Instructions for the task »
Using the data below, return all lines in which "IFCMATERIALLAYERSET" appears.

Dataset records »

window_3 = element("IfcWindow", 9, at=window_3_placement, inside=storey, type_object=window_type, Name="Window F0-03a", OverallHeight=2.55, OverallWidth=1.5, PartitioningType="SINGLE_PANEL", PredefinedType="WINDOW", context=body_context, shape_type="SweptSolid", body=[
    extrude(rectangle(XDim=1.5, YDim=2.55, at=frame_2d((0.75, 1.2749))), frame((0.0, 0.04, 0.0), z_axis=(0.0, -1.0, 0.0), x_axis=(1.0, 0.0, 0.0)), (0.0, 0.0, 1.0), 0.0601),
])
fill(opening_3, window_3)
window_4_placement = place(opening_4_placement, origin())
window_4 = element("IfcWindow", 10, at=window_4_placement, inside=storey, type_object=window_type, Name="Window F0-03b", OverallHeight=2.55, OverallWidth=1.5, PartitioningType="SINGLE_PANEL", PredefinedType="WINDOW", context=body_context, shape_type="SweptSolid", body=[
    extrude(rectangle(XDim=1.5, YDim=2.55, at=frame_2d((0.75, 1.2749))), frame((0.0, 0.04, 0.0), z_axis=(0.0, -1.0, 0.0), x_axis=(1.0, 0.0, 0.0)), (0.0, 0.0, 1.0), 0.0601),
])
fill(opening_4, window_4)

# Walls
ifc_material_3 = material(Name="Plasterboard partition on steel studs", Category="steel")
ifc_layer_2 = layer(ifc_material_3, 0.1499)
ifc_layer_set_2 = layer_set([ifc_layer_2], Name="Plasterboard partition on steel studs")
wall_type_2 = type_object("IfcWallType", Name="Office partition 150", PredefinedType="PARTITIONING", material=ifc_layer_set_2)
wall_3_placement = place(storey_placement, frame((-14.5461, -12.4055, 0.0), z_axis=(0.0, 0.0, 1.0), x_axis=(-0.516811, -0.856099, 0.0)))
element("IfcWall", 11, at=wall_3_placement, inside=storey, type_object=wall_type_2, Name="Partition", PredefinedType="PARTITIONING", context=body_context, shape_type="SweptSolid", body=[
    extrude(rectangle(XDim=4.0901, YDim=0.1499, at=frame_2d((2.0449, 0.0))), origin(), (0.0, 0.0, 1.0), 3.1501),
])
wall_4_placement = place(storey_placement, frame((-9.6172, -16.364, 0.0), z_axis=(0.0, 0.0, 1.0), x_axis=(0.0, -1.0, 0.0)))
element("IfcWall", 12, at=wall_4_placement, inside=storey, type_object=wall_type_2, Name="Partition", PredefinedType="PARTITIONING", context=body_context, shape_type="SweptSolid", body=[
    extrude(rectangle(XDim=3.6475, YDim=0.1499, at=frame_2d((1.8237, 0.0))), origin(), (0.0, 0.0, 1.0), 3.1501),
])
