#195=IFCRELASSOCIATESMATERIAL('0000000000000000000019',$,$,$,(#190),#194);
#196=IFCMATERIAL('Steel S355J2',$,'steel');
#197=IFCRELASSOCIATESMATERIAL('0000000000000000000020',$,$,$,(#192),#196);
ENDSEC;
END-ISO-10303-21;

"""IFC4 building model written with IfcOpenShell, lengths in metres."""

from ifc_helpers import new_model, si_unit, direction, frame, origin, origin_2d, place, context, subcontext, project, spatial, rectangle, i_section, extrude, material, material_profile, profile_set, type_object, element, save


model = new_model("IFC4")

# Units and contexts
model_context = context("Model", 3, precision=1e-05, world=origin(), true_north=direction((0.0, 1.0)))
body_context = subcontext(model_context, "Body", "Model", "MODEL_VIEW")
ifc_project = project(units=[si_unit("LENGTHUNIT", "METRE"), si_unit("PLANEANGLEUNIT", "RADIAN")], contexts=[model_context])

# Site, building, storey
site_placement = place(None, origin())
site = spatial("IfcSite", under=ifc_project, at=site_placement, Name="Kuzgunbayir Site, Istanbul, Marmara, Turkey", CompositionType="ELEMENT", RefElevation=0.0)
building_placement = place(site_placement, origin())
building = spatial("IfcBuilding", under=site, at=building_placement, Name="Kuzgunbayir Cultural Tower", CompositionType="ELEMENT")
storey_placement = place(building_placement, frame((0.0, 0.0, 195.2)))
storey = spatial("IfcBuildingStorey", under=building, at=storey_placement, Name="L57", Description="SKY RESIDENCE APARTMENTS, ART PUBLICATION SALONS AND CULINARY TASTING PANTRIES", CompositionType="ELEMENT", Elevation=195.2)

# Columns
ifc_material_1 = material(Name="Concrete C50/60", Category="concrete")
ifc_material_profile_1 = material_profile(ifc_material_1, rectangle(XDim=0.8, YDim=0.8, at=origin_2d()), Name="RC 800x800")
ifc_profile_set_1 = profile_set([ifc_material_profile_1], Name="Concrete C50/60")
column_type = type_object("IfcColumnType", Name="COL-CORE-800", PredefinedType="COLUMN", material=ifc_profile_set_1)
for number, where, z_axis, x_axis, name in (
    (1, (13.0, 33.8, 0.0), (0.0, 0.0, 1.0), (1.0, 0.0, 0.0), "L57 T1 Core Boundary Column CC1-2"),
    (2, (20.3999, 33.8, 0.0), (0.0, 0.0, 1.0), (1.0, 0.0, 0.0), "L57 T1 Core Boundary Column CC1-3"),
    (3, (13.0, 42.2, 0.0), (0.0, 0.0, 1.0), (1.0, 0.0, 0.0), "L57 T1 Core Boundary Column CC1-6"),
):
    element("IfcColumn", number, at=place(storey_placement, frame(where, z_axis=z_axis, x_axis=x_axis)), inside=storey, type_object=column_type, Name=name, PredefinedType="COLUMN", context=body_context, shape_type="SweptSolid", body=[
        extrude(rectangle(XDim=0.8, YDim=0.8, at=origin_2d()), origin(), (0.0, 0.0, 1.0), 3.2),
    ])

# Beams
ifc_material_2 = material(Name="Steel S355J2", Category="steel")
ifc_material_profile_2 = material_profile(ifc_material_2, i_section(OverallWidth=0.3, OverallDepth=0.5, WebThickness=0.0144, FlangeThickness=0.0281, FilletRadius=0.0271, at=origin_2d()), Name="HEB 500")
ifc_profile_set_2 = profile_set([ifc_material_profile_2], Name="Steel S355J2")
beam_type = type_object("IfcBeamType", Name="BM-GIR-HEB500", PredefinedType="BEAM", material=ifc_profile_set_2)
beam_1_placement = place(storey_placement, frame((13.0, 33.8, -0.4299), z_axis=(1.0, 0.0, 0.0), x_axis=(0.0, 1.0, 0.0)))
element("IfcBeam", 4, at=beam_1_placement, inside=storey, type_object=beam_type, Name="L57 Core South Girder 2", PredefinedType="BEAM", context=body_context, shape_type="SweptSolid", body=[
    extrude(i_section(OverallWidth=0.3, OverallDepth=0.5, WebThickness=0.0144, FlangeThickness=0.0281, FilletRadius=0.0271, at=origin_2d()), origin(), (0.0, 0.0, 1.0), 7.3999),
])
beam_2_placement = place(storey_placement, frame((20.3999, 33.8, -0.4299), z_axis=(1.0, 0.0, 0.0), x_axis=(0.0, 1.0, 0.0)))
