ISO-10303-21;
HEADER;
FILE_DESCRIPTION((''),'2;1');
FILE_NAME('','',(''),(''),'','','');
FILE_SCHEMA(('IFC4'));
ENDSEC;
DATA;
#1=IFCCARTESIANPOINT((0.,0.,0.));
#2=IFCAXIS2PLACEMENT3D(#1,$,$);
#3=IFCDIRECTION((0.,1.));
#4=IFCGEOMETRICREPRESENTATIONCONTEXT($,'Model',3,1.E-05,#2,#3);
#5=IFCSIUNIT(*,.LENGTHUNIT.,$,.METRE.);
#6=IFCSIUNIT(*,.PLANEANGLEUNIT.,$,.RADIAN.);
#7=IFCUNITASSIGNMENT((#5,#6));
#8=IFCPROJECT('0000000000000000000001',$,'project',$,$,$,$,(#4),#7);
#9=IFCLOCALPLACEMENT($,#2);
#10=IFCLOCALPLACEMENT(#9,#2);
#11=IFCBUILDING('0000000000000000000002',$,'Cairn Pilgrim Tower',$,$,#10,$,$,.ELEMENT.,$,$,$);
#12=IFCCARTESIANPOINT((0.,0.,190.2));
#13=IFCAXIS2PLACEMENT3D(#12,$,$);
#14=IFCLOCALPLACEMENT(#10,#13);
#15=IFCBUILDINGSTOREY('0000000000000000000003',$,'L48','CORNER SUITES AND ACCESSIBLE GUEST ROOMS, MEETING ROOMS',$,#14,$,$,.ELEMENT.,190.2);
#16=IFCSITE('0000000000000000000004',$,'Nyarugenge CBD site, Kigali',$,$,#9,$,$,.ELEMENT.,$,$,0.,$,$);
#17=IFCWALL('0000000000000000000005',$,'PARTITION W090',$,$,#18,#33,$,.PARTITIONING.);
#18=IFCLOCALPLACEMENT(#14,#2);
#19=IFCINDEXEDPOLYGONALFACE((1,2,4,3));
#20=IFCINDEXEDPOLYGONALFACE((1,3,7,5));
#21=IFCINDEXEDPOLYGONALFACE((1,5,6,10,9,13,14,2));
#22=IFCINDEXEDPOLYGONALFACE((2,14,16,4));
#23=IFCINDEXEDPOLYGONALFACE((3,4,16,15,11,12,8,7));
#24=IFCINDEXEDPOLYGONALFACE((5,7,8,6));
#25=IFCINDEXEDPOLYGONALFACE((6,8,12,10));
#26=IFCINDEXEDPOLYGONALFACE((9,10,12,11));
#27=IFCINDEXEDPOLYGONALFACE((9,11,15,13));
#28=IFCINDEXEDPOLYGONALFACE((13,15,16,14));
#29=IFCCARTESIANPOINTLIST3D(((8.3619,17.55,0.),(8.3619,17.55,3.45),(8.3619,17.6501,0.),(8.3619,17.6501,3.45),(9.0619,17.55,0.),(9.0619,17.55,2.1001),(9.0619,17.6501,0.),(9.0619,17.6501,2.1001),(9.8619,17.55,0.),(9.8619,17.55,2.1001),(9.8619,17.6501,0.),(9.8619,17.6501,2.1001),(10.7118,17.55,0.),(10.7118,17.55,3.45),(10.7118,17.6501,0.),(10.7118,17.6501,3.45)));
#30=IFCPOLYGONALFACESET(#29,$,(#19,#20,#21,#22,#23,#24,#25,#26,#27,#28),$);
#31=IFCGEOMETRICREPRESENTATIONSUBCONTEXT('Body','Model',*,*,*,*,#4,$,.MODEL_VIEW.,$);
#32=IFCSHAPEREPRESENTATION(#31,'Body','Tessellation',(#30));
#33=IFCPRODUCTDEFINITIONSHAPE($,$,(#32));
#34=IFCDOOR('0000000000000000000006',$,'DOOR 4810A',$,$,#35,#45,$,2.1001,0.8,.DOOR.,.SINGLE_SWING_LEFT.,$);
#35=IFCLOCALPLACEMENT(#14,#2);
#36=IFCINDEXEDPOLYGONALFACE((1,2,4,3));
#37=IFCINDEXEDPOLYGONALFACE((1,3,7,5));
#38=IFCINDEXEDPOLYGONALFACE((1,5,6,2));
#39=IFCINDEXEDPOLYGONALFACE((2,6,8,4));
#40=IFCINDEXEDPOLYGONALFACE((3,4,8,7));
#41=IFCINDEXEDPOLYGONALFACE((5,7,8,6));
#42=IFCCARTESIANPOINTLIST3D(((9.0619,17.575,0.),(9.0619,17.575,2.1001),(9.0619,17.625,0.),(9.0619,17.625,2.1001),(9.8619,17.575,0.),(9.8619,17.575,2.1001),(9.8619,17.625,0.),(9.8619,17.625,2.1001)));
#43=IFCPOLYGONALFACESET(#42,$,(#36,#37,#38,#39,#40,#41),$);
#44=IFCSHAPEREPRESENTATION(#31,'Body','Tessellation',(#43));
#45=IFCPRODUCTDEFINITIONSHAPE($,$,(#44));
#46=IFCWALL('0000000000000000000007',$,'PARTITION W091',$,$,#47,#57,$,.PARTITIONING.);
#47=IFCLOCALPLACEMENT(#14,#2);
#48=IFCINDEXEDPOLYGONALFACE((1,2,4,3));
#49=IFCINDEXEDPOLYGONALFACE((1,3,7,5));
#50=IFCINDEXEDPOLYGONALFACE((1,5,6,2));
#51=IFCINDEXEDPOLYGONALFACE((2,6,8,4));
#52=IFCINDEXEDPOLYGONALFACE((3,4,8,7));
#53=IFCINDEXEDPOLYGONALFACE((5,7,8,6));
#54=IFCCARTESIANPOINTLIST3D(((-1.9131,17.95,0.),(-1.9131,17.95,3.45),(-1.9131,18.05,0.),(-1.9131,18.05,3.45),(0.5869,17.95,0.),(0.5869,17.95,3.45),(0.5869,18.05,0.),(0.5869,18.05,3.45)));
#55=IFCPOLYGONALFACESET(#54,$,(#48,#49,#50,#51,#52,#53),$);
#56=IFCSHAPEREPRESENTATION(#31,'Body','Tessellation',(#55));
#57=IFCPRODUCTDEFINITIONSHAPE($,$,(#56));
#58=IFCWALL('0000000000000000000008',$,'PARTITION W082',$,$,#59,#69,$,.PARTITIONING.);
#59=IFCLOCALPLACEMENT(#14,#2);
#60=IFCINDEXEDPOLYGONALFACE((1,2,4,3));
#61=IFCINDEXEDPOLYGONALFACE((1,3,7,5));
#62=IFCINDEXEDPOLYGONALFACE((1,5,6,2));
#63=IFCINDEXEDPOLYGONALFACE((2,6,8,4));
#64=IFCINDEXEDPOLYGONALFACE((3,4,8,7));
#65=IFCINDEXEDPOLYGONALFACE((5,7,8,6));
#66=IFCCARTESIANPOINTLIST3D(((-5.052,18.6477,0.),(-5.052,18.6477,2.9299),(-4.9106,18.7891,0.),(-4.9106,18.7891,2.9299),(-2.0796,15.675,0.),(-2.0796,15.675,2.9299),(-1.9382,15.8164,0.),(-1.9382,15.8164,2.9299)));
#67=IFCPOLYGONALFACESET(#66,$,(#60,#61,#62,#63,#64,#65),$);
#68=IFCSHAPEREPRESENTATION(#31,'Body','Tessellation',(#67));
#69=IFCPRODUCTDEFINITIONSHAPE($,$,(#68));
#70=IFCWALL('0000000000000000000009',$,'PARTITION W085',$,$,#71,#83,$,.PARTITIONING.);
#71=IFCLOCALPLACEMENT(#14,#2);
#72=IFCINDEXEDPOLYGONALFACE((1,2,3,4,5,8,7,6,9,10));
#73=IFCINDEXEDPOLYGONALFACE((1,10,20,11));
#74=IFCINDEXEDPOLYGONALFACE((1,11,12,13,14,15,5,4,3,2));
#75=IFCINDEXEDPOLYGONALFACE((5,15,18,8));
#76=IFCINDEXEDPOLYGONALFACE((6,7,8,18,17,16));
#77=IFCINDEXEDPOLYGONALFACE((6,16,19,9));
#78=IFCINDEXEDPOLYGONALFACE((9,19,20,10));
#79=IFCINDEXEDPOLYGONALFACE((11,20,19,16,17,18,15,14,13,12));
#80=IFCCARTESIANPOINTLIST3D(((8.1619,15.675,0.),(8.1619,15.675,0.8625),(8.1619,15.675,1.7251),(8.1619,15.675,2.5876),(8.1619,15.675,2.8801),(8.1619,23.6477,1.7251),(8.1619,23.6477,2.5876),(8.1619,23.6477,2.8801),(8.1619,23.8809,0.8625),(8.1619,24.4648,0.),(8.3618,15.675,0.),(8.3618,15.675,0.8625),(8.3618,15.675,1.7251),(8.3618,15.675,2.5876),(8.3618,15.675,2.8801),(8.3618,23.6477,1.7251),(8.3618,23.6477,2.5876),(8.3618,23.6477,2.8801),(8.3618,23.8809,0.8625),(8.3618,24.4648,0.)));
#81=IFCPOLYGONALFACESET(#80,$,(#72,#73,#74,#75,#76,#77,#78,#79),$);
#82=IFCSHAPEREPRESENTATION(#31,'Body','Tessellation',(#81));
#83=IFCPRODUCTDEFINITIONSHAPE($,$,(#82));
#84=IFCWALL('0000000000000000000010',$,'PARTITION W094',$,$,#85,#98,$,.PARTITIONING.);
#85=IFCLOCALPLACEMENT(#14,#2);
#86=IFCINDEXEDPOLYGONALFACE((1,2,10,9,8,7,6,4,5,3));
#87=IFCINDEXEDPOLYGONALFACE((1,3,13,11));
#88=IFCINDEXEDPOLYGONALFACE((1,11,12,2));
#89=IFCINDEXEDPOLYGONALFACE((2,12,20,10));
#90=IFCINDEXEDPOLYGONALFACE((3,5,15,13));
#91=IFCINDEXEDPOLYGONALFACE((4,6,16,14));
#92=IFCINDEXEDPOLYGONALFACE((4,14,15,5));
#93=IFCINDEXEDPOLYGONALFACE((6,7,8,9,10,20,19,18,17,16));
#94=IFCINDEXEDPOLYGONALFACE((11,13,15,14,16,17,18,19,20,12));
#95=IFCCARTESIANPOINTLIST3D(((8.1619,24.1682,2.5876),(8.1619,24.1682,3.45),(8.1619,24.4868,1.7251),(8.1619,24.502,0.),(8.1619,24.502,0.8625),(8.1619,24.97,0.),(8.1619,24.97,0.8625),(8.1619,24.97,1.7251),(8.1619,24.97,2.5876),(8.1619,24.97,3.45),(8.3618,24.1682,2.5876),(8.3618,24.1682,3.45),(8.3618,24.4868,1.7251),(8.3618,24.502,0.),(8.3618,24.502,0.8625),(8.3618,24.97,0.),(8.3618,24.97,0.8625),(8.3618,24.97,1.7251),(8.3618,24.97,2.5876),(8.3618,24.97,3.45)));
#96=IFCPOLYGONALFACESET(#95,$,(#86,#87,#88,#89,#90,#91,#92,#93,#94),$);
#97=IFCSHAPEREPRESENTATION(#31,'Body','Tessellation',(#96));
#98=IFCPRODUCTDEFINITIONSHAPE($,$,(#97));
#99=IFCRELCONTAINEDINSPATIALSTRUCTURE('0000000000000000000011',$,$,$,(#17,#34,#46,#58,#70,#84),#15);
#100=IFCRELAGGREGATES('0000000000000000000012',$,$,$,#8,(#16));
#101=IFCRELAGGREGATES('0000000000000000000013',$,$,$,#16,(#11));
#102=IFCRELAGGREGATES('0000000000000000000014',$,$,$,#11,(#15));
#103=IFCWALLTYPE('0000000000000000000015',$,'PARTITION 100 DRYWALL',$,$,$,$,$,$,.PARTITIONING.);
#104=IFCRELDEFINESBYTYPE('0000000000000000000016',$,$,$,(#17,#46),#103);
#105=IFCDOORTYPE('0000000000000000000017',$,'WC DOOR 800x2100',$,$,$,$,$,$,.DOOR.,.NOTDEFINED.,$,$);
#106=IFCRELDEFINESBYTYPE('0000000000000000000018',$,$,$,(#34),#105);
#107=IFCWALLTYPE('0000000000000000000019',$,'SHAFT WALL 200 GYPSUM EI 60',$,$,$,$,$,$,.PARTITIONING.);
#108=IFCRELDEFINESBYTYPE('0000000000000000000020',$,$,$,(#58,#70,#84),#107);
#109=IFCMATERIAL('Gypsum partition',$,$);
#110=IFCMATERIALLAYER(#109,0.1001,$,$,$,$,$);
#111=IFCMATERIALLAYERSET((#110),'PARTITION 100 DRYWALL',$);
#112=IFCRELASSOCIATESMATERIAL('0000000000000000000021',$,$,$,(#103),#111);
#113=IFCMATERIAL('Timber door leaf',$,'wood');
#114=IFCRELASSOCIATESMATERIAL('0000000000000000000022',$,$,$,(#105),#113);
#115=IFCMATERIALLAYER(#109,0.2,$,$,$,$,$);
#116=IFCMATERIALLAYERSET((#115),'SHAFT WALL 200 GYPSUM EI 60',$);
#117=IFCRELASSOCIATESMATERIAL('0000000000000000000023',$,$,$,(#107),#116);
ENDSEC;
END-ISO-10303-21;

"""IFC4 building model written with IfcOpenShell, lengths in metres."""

from ifc_helpers import new_model, si_unit, direction, frame, frame_2d, origin, place, context, subcontext, project, spatial, polyline, rectangle, outline, extrude, material, layer, layer_set, type_object, element, fill, save


model = new_model("IFC4")

# Units and contexts
model_context = context("Model", 3, precision=1e-05, world=origin(), true_north=direction((0.0, 1.0)))
body_context = subcontext(model_context, "Body", "Model", "MODEL_VIEW")
ifc_project = project(units=[si_unit("LENGTHUNIT", "METRE"), si_unit("PLANEANGLEUNIT", "RADIAN")], contexts=[model_context])

# Site, building, storey
site_placement = place(None, origin())
site = spatial("IfcSite", under=ifc_project, at=site_placement, Name="Nyarugenge CBD site, Kigali", CompositionType="ELEMENT", RefElevation=0.0)
building_placement = place(site_placement, origin())
building = spatial("IfcBuilding", under=site, at=building_placement, Name="Cairn Pilgrim Tower", CompositionType="ELEMENT")
storey_placement = place(building_placement, frame((0.0, 0.0, 190.2)))
storey = spatial("IfcBuildingStorey", under=building, at=storey_placement, Name="L48", Description="CORNER SUITES AND ACCESSIBLE GUEST ROOMS, MEETING ROOMS", CompositionType="ELEMENT", Elevation=190.2)

# Shared definitions
ifc_material_1 = material(Name="Gypsum partition")
ifc_layer_1 = layer(ifc_material_1, 0.1001)
ifc_layer_set_1 = layer_set([ifc_layer_1], Name="PARTITION 100 DRYWALL")
wall_type_1 = type_object("IfcWallType", Name="PARTITION 100 DRYWALL", PredefinedType="PARTITIONING", material=ifc_layer_set_1)

# Wall, opening, door
ifc_material_2 = material(Name="Timber door leaf", Category="wood")
door_type_1 = type_object("IfcDoorType", Name="WC DOOR 800x2100", OperationType="NOTDEFINED", PredefinedType="DOOR", material=ifc_material_2)
wall_1_placement = place(storey_placement, frame((8.3621, 17.6001, 0.0), z_axis=(0.0, 0.0, 1.0), x_axis=(1.0, 0.0, 0.0)))
wall_1 = element("IfcWall", 1, at=wall_1_placement, inside=storey, type_object=wall_type_1, Name="PARTITION W090", PredefinedType="PARTITIONING", context=body_context, shape_type="SweptSolid", body=[
    extrude(rectangle(XDim=2.3499, YDim=0.1001, at=frame_2d((1.1748, 0.0))), origin(), (0.0, 0.0, 1.0), 3.45),
])
opening_1_placement = place(wall_1_placement, frame((0.7, 0.0, 0.0)))
opening_1 = element("IfcOpeningElement", 2, at=opening_1_placement, cuts=wall_1, PredefinedType="OPENING", context=body_context, shape_type="SweptSolid", body=[
    extrude(rectangle(XDim=0.8, YDim=2.1001, at=frame_2d((0.3999, 1.05))), frame((0.0, 0.0601, 0.0), z_axis=(0.0, -1.0, 0.0), x_axis=(1.0, 0.0, 0.0)), (0.0, 0.0, 1.0), 0.1201),
])
door_1_placement = place(opening_1_placement, origin())
door_1 = element("IfcDoor", 3, at=door_1_placement, inside=storey, type_object=door_type_1, Name="DOOR 4810A", OperationType="SINGLE_SWING_LEFT", OverallHeight=2.1001, OverallWidth=0.8, PredefinedType="DOOR", context=body_context, shape_type="SweptSolid", body=[
    extrude(rectangle(XDim=0.8, YDim=2.1001, at=frame_2d((0.3999, 1.05))), frame((0.0, 0.0249, 0.0), z_axis=(0.0, -1.0, 0.0), x_axis=(1.0, 0.0, 0.0)), (0.0, 0.0, 1.0), 0.05),
])
fill(opening_1, door_1)

# Walls
wall_2_placement = place(storey_placement, frame((-1.9131, 18.0, 0.0), z_axis=(0.0, 0.0, 1.0), x_axis=(1.0, 0.0, 0.0)))
element("IfcWall", 4, at=wall_2_placement, inside=storey, type_object=wall_type_1, Name="PARTITION W091", PredefinedType="PARTITIONING", context=body_context, shape_type="SweptSolid", body=[
    extrude(rectangle(XDim=2.5, YDim=0.1001, at=frame_2d((1.25, 0.0))), origin(), (0.0, 0.0, 1.0), 3.45),
])
ifc_layer_2 = layer(ifc_material_1, 0.2)
ifc_layer_set_2 = layer_set([ifc_layer_2], Name="SHAFT WALL 200 GYPSUM EI 60")
wall_type_2 = type_object("IfcWallType", Name="SHAFT WALL 200 GYPSUM EI 60", PredefinedType="PARTITIONING", material=ifc_layer_set_2)
wall_3_placement = place(storey_placement, frame((-2.0088, 15.7456, 0.0), z_axis=(0.0, 0.0, 1.0), x_axis=(-0.707078, 0.707136, 0.0)))
element("IfcWall", 5, at=wall_3_placement, inside=storey, type_object=wall_type_2, Name="PARTITION W082", PredefinedType="PARTITIONING", context=body_context, shape_type="SweptSolid", body=[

Answer box »
#111=IFCMATERIALLAYERSET((#110),'PARTITION 100 DRYWALL',$);
#116=IFCMATERIALLAYERSET((#115),'SHAFT WALL 200 GYPSUM EI 60',$);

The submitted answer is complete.